- [PROVIDED DATA]
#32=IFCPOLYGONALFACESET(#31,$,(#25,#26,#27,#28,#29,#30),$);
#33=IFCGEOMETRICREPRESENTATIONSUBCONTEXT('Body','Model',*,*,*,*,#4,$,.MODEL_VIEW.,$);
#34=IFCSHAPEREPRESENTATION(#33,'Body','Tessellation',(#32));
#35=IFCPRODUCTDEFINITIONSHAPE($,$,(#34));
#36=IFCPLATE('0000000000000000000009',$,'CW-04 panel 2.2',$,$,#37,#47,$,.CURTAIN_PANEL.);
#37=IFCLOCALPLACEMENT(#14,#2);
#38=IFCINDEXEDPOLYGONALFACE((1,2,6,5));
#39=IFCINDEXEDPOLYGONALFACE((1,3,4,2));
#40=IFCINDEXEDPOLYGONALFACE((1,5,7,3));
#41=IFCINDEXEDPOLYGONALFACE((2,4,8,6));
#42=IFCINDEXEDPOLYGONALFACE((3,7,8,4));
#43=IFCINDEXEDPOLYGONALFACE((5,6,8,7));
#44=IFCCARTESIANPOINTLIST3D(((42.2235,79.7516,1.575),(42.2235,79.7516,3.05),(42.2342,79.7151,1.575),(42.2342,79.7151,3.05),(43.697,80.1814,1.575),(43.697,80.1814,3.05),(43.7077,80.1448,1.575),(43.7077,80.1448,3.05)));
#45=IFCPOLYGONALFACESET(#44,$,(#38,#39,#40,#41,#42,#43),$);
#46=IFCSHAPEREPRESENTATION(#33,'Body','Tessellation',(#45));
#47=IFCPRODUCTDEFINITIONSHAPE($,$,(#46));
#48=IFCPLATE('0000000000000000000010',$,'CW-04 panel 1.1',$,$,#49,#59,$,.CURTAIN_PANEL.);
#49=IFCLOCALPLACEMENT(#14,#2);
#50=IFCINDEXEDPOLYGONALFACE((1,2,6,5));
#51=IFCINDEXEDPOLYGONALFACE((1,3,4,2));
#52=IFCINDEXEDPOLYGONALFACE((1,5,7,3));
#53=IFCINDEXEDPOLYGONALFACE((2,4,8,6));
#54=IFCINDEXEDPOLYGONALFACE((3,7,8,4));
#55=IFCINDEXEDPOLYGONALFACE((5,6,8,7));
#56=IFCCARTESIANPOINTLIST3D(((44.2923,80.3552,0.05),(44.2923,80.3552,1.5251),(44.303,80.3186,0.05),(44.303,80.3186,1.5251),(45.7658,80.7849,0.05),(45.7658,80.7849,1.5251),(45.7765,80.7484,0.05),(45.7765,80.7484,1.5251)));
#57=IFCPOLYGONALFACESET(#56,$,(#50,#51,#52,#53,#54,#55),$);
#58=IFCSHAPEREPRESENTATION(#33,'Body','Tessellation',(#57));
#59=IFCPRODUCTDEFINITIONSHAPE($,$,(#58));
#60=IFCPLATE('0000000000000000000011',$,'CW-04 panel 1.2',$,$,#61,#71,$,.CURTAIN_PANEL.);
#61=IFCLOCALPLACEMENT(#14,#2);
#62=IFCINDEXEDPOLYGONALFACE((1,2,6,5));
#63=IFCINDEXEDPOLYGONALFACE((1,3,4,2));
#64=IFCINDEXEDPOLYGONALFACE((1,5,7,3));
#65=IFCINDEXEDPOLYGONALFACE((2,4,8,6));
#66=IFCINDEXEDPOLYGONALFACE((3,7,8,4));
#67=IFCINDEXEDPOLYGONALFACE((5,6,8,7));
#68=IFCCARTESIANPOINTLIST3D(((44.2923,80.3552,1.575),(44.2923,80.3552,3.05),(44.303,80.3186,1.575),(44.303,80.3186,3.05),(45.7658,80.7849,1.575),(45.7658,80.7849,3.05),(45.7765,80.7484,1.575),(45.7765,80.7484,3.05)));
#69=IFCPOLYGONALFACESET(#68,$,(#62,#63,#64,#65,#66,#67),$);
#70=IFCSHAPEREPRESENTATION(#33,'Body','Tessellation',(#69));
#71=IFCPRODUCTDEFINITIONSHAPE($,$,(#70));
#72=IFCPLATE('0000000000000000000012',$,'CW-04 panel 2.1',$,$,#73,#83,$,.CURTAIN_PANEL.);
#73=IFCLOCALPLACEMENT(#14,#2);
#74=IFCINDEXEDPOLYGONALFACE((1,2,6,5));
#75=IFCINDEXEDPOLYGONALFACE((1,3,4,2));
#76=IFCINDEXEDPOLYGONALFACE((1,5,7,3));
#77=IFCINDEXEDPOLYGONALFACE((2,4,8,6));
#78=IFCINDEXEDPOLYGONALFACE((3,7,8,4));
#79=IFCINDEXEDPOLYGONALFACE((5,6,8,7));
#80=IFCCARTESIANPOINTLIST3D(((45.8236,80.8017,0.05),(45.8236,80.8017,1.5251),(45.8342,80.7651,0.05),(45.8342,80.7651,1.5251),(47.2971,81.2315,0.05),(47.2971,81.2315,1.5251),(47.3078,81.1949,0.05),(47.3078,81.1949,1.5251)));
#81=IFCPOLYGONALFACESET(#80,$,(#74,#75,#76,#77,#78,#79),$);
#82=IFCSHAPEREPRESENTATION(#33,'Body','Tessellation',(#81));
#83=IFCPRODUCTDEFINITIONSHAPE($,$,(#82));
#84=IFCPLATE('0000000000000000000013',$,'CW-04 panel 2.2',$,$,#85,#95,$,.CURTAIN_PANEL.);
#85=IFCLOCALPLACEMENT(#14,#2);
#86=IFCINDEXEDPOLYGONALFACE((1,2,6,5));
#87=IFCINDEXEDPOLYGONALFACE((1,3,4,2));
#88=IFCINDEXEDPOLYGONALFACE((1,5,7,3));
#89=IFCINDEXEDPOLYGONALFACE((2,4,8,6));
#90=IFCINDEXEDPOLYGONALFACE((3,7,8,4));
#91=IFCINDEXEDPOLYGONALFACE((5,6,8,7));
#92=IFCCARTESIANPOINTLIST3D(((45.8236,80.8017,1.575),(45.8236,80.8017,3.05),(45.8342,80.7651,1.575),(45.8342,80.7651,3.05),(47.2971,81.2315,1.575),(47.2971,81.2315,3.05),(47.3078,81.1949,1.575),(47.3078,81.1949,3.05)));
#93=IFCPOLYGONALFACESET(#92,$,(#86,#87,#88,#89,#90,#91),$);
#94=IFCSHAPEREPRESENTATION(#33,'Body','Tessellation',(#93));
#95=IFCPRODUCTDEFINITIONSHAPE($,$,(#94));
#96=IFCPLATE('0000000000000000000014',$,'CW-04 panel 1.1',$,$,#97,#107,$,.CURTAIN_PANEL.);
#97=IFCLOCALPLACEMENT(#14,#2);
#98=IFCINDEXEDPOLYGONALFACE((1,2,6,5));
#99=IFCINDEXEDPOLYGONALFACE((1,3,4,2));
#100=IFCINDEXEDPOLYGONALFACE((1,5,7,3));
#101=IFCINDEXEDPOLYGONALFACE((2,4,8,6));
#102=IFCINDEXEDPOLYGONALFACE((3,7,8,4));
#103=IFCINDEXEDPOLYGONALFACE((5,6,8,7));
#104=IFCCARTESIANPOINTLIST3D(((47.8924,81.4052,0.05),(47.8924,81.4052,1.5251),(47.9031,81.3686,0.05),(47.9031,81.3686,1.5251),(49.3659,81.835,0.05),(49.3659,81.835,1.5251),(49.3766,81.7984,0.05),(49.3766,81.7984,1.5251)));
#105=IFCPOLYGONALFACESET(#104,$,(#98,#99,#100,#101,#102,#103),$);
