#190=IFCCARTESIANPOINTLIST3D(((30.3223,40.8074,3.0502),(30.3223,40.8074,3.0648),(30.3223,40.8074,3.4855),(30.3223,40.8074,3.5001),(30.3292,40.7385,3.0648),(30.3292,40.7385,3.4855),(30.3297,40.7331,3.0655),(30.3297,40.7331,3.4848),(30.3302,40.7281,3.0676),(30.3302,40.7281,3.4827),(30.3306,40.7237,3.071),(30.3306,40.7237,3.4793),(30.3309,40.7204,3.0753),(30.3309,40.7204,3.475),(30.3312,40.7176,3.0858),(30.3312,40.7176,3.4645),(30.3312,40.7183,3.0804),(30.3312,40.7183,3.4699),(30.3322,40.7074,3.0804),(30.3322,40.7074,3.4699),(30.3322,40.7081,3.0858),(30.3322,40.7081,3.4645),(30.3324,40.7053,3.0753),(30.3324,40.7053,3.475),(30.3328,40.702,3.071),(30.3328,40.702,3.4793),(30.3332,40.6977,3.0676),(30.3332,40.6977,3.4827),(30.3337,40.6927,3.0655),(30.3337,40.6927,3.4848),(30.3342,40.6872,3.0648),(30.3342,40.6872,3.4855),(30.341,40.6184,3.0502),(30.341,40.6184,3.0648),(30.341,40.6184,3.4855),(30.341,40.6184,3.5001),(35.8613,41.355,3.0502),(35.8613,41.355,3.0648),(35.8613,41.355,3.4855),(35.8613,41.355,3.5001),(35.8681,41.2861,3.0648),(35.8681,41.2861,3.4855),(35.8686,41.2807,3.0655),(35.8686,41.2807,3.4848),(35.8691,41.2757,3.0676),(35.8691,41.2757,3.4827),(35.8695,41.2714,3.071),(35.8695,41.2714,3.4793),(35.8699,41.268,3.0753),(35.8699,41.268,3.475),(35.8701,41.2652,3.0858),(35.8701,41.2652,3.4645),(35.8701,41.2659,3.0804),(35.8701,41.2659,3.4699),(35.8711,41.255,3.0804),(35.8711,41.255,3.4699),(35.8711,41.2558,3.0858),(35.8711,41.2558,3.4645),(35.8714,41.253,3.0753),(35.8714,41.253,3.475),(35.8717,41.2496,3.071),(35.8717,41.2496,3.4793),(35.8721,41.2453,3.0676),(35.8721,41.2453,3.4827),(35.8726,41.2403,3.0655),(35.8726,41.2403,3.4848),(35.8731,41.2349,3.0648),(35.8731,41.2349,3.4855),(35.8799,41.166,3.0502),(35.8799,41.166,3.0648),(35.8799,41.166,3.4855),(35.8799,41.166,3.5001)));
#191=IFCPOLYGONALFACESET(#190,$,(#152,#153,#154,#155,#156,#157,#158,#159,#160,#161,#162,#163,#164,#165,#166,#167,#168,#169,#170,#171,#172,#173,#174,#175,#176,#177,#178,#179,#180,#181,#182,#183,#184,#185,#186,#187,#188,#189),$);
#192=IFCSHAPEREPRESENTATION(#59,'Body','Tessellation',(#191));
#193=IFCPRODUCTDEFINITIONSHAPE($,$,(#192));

- [ASSIGNMENT] Print the lines above from the one with "#57=IFCPOLYGONALFACESET(#56,$,(#50,#51,#52,#53,#54,#55),$);" through the one with "#67=IFCINDEXEDPOLYGONALFACE((5,6,8,7));", both included, exactly as written and nothing more.

- [RESPONSE]
#57=IFCPOLYGONALFACESET(#56,$,(#50,#51,#52,#53,#54,#55),$);
#58=IFCSHAPEREPRESENTATION(#33,'Body','Tessellation',(#57));
#59=IFCPRODUCTDEFINITIONSHAPE($,$,(#58));
#60=IFCPLATE('0000000000000000000011',$,'CW-04 panel 1.2',$,$,#61,#71,$,.CURTAIN_PANEL.);
#61=IFCLOCALPLACEMENT(#14,#2);
#62=IFCINDEXEDPOLYGONALFACE((1,2,6,5));
#63=IFCINDEXEDPOLYGONALFACE((1,3,4,2));
#64=IFCINDEXEDPOLYGONALFACE((1,5,7,3));
#65=IFCINDEXEDPOLYGONALFACE((2,4,8,6));
#66=IFCINDEXEDPOLYGONALFACE((3,7,8,4));
#67=IFCINDEXEDPOLYGONALFACE((5,6,8,7));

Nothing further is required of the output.